Information provided ->
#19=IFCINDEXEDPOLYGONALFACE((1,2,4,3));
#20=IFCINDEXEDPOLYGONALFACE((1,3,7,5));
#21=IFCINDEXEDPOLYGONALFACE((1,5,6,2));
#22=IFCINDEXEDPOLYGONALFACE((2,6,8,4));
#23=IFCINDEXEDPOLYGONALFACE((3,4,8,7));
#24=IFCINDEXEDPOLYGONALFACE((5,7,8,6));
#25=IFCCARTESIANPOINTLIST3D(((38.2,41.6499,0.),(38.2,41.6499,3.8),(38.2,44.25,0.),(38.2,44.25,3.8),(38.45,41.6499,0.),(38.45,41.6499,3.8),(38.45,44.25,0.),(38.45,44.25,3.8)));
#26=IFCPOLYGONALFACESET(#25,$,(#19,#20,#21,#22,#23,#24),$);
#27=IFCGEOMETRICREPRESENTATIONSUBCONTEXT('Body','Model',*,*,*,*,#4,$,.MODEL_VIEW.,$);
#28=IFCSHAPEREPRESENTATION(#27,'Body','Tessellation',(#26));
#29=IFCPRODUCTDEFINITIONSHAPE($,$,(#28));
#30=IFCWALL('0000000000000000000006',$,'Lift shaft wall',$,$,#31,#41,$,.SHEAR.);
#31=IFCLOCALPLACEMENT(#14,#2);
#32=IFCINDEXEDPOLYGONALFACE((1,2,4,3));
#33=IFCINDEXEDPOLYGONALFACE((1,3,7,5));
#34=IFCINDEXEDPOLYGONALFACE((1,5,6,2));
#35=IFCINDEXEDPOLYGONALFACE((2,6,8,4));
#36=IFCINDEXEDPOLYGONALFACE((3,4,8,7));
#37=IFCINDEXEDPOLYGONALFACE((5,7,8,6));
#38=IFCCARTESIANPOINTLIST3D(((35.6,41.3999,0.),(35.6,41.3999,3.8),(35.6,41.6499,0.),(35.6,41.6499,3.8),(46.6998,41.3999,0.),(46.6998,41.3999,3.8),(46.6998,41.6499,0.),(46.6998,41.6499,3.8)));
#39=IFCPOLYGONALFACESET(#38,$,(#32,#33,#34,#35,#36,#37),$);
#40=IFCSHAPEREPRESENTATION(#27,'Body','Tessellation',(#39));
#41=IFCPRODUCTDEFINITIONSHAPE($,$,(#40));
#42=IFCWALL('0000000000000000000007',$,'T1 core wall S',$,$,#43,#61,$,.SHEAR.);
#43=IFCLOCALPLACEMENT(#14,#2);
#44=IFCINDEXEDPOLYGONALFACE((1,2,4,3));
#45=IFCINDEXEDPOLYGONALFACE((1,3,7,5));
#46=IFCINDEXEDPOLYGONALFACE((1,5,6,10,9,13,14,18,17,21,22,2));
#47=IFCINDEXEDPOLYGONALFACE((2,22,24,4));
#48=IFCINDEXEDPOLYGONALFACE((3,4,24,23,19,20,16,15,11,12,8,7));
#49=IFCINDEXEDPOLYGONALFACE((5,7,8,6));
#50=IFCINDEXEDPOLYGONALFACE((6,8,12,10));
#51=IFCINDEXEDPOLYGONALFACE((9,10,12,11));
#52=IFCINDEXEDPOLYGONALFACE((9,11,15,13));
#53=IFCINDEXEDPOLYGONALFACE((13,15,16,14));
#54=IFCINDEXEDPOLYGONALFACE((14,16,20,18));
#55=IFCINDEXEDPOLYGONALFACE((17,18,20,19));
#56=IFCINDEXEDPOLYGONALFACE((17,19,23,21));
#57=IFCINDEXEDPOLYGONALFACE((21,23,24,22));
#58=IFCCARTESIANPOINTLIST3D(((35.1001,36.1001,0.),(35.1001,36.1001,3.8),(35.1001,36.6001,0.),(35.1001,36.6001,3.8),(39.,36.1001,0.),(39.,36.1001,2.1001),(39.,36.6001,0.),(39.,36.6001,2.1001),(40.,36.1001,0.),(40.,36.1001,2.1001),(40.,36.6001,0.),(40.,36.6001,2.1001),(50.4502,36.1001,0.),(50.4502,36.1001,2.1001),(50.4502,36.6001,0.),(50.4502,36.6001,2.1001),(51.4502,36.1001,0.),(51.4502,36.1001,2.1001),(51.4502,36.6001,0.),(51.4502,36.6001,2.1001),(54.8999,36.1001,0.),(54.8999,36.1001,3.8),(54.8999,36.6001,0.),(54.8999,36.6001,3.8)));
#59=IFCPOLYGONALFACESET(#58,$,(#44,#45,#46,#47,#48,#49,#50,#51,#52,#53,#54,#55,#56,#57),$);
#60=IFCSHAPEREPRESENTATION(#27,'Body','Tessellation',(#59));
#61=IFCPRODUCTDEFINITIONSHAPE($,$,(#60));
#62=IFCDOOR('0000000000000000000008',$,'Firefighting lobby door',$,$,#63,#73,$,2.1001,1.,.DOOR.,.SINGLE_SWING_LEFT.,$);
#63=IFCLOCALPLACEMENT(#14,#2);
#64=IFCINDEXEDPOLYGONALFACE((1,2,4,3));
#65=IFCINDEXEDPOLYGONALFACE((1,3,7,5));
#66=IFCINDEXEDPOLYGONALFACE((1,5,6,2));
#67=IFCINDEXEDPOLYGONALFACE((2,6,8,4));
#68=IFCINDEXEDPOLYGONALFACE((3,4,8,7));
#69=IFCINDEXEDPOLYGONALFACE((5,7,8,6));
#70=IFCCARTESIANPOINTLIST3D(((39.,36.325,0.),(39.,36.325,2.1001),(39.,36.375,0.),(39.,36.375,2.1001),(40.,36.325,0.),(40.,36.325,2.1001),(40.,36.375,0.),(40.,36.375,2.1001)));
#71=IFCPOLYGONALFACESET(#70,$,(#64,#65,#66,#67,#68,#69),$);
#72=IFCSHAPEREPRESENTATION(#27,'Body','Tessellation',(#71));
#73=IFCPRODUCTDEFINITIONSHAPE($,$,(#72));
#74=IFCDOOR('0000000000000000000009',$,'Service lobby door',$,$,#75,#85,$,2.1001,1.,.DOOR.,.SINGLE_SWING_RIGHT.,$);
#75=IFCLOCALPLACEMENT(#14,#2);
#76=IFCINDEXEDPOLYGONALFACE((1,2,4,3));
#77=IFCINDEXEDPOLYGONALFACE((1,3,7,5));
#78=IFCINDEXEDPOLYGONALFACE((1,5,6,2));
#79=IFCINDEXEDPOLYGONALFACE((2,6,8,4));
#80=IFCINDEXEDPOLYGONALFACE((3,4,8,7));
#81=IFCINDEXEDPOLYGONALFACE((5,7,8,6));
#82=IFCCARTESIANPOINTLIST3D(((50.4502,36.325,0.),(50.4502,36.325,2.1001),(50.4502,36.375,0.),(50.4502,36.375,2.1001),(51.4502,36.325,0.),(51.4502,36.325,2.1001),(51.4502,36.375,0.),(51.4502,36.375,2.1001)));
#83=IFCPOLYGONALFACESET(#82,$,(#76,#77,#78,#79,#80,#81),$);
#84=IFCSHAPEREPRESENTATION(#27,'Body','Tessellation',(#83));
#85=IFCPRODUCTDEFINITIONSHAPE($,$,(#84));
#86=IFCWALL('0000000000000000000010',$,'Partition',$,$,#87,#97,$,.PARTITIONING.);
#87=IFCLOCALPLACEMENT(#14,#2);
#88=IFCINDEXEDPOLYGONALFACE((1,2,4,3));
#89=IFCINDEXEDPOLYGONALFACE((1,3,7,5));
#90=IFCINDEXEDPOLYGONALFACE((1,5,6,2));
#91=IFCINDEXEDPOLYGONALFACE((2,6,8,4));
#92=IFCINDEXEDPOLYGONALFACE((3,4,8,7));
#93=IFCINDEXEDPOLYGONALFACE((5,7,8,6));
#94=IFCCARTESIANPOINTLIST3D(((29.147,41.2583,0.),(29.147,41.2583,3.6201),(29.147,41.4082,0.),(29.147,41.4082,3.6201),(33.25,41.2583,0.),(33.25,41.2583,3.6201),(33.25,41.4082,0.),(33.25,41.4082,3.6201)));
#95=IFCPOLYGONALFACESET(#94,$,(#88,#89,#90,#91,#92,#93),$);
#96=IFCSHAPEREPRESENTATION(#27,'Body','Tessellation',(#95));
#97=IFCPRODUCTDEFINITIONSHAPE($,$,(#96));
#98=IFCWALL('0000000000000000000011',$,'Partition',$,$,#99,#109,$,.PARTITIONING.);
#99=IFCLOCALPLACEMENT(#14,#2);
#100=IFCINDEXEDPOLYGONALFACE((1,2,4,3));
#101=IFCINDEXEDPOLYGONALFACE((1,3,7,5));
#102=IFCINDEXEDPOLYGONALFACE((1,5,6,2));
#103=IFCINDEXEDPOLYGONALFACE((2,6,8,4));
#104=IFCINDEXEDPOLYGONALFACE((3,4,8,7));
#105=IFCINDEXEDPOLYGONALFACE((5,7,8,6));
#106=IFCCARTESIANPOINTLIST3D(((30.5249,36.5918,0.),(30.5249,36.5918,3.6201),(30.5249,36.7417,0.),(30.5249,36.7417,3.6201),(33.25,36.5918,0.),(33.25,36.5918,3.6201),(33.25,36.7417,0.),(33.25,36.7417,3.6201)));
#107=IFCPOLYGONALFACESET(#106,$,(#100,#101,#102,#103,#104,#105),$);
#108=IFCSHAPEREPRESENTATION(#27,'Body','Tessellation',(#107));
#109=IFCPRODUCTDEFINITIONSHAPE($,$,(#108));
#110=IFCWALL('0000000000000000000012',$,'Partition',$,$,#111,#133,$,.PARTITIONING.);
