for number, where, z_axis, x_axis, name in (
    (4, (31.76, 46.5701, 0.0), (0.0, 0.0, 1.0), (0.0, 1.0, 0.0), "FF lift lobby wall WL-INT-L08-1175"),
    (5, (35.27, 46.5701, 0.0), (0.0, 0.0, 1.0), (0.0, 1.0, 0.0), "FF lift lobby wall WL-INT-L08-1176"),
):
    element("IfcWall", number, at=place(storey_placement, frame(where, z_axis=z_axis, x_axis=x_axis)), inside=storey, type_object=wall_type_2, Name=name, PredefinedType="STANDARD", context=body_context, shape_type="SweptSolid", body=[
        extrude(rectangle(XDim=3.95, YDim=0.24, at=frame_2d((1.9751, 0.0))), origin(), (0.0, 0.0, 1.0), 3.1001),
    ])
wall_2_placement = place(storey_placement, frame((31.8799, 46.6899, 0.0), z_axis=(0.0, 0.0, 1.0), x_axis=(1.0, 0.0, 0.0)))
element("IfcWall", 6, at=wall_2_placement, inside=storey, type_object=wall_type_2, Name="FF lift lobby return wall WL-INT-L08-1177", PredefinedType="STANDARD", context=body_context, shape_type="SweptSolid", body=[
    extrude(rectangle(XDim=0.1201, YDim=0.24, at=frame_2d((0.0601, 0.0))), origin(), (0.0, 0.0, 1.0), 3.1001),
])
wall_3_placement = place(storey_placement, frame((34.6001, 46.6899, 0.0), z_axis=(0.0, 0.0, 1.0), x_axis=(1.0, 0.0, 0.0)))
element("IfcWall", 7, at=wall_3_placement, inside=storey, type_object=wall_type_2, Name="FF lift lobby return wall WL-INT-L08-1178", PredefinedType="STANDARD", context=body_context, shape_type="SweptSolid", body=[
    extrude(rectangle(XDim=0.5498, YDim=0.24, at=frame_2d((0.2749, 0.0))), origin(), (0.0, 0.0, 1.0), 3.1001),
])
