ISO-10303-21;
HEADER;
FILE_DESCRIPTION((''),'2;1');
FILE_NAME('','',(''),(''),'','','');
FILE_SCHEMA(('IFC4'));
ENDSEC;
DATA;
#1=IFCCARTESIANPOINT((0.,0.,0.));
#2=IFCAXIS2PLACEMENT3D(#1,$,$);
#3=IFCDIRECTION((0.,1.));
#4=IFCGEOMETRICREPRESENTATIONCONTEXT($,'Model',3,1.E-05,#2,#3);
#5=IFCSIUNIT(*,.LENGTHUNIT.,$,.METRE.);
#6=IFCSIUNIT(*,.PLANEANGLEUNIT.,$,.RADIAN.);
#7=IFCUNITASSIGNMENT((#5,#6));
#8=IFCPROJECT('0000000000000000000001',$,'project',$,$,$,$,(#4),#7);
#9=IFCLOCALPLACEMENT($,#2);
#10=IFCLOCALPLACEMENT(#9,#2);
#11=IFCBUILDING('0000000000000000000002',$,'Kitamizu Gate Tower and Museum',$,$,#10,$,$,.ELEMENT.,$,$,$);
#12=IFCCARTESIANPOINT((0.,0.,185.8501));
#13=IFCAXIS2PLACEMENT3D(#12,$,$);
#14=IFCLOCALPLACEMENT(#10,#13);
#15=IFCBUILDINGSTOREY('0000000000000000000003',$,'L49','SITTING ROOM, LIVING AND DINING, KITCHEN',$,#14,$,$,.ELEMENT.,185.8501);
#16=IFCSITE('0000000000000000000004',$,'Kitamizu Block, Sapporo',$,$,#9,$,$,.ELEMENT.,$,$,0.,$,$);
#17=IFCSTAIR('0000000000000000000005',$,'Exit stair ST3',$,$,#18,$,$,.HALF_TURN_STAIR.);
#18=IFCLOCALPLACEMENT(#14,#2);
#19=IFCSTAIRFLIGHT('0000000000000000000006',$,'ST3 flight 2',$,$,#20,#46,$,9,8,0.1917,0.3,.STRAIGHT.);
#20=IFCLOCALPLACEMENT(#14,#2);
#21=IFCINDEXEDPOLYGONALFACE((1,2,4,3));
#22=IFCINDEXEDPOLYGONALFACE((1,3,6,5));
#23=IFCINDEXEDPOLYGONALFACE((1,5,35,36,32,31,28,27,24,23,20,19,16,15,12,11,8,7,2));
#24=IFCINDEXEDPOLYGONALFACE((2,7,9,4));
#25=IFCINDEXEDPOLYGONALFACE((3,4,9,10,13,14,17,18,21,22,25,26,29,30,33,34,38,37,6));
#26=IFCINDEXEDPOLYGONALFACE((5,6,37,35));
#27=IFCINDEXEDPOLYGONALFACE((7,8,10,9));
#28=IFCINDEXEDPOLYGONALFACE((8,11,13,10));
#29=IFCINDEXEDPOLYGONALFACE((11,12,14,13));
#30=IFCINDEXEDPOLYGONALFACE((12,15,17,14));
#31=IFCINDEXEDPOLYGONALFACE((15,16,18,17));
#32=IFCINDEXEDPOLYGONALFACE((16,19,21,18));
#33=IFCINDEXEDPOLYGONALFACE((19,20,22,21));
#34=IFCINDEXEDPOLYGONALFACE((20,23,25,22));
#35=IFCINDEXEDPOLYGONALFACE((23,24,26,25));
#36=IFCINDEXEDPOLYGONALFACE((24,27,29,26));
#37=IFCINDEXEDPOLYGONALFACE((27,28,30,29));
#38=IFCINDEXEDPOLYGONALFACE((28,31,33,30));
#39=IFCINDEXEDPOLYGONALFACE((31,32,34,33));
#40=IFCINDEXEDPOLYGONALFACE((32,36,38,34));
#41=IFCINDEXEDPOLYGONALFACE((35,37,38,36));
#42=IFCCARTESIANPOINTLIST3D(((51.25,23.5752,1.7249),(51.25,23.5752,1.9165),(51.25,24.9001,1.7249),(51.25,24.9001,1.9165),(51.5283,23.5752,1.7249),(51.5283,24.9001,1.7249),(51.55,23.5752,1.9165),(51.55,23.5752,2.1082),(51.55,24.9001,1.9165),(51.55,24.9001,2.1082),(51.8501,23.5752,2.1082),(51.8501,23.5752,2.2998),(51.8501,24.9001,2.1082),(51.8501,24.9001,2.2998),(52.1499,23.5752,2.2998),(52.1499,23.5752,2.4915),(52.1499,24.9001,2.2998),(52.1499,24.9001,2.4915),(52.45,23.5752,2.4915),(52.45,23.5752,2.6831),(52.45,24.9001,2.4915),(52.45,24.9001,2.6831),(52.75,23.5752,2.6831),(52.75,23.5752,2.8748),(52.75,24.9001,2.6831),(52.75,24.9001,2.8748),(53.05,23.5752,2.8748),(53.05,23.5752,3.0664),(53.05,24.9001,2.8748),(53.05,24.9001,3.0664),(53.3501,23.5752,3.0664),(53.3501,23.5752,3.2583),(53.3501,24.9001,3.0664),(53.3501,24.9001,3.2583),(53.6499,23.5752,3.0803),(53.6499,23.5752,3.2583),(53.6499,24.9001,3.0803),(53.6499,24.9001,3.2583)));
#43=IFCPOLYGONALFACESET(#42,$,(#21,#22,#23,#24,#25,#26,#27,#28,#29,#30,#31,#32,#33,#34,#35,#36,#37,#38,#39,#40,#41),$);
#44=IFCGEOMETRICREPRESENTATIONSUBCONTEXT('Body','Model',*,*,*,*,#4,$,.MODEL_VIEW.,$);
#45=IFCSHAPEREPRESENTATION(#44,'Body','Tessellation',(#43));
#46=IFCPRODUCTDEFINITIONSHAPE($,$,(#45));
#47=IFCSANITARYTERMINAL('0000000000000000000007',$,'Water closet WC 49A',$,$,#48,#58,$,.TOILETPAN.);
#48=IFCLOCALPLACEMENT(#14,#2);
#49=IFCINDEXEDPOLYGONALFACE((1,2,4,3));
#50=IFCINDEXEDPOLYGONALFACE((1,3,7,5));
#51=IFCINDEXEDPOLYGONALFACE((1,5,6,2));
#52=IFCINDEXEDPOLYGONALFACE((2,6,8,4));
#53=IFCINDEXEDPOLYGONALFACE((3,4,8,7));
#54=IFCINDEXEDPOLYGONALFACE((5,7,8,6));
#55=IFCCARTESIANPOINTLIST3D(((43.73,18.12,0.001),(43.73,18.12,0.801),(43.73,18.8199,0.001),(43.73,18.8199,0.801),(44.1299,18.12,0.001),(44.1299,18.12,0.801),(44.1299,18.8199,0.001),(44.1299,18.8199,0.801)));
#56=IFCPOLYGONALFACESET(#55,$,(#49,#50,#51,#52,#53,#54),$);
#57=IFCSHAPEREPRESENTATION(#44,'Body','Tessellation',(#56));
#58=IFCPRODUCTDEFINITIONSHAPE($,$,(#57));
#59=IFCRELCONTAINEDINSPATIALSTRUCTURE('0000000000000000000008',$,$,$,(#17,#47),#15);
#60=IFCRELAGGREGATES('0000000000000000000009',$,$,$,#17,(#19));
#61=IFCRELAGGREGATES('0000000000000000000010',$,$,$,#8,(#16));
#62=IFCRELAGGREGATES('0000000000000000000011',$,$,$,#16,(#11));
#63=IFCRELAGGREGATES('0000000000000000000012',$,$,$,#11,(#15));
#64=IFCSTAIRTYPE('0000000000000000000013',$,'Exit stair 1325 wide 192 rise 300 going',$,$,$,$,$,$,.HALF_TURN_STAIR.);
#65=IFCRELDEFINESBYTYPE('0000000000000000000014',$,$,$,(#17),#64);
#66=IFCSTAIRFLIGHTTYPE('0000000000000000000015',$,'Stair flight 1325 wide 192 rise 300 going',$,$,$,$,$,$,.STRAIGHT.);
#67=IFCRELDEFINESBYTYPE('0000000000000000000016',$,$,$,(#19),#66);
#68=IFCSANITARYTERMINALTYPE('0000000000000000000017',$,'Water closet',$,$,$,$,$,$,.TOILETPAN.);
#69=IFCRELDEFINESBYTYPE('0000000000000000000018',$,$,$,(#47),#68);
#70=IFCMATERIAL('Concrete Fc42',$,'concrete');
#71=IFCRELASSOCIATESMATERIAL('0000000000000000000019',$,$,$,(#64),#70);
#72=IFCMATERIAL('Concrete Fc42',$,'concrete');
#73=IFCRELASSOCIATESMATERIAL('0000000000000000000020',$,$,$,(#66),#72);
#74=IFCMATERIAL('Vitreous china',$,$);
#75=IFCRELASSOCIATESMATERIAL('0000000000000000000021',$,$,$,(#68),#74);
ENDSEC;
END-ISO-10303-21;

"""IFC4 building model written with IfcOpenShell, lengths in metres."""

from ifc_helpers import new_model, si_unit, direction, frame, origin, origin_2d, place, context, subcontext, project, spatial, polyline, rectangle, outline, extrude, material, type_object, element, aggregate, save


model = new_model("IFC4")

# Units and contexts
model_context = context("Model", 3, precision=1e-05, world=origin(), true_north=direction((0.0, 1.0)))
body_context = subcontext(model_context, "Body", "Model", "MODEL_VIEW")
ifc_project = project(units=[si_unit("LENGTHUNIT", "METRE"), si_unit("PLANEANGLEUNIT", "RADIAN")], contexts=[model_context])

# Site, building, storey
site_placement = place(None, origin())
site = spatial("IfcSite", under=ifc_project, at=site_placement, Name="Kitamizu Block, Sapporo", CompositionType="ELEMENT", RefElevation=0.0)
building_placement = place(site_placement, origin())
building = spatial("IfcBuilding", under=site, at=building_placement, Name="Kitamizu Gate Tower and Museum", CompositionType="ELEMENT")
storey_placement = place(building_placement, frame((0.0, 0.0, 185.8501)))
storey = spatial("IfcBuildingStorey", under=building, at=storey_placement, Name="L49", Description="SITTING ROOM, LIVING AND DINING, KITCHEN", CompositionType="ELEMENT", Elevation=185.8501)

# Stair, stair flight
ifc_material_1 = material(Name="Concrete Fc42", Category="concrete")
stair_type = type_object("IfcStairType", Name="Exit stair 1325 wide 192 rise 300 going", PredefinedType="HALF_TURN_STAIR", material=ifc_material_1)
stair_placement = place(storey_placement, origin())
stair = element("IfcStair", 1, at=stair_placement, inside=storey, type_object=stair_type, Name="Exit stair ST3", PredefinedType="HALF_TURN_STAIR")
ifc_material_2 = material(Name="Concrete Fc42", Category="concrete")
stair_flight_type = type_object("IfcStairFlightType", Name="Stair flight 1325 wide 192 rise 300 going", PredefinedType="STRAIGHT", material=ifc_material_2)
stair_flight_placement = place(storey_placement, frame((51.25, 24.2375, 1.7249), z_axis=(0.0, 0.0, 1.0), x_axis=(1.0, 0.0, 0.0)))
stair_flight = element("IfcStairFlight", 2, at=stair_flight_placement, type_object=stair_flight_type, Name="ST3 flight 2", NumberOfRisers=9, NumberOfTreads=8, PredefinedType="STRAIGHT", RiserHeight=0.1917, TreadLength=0.3, context=body_context, shape_type="SweptSolid", body=[
    extrude(outline(polyline([(0.0, 0.0), (0.0, 0.1917), (0.3, 0.1917), (0.3, 0.3833), (0.6001, 0.3833), (0.6001, 0.575), (0.8999, 0.575), (0.8999, 0.7666), (1.2, 0.7666), (1.2, 0.9583), (1.5, 0.9583), (1.5, 1.1499), (1.8, 1.1499), (1.8, 1.3416), (2.1001, 1.3416), (2.1001, 1.5334), (2.3999, 1.5334), (2.3999, 1.7251), (2.3999, 1.3555), (0.2783, 0.0), (0.0, 0.0)])), frame((0.0, 0.6626, 0.0), z_axis=(0.0, -1.0, 0.0), x_axis=(1.0, 0.0, 0.0)), (0.0, 0.0, 1.0), 1.325),
])
aggregate(stair, [stair_flight])

# Sanitary terminal
ifc_material_3 = material(Name="Vitreous china")
sanitary_terminal_type = type_object("IfcSanitaryTerminalType", Name="Water closet", PredefinedType="TOILETPAN", material=ifc_material_3)
sanitary_terminal_placement = place(storey_placement, frame((43.9299, 18.47, 0.001), z_axis=(0.0, 0.0, 1.0), x_axis=(1.0, 0.0, 0.0)))
element("IfcSanitaryTerminal", 3, at=sanitary_terminal_placement, inside=storey, type_object=sanitary_terminal_type, Name="Water closet WC 49A", PredefinedType="TOILETPAN", context=body_context, shape_type="SweptSolid", body=[
    extrude(rectangle(XDim=0.3999, YDim=0.7, at=origin_2d()), origin(), (0.0, 0.0, 1.0), 0.8),
])

save(model, "model.ifc")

Problem requirements -> Select from the material above each line in which the string "where" appears, and list those lines.

Your response ->
for number, where, z_axis, x_axis, name in (
    element("IfcWall", number, at=place(storey_placement, frame(where, z_axis=z_axis, x_axis=x_axis)), inside=storey, type_object=wall_type_2, Name=name, PredefinedType="STANDARD", context=body_context, shape_type="SweptSolid", body=[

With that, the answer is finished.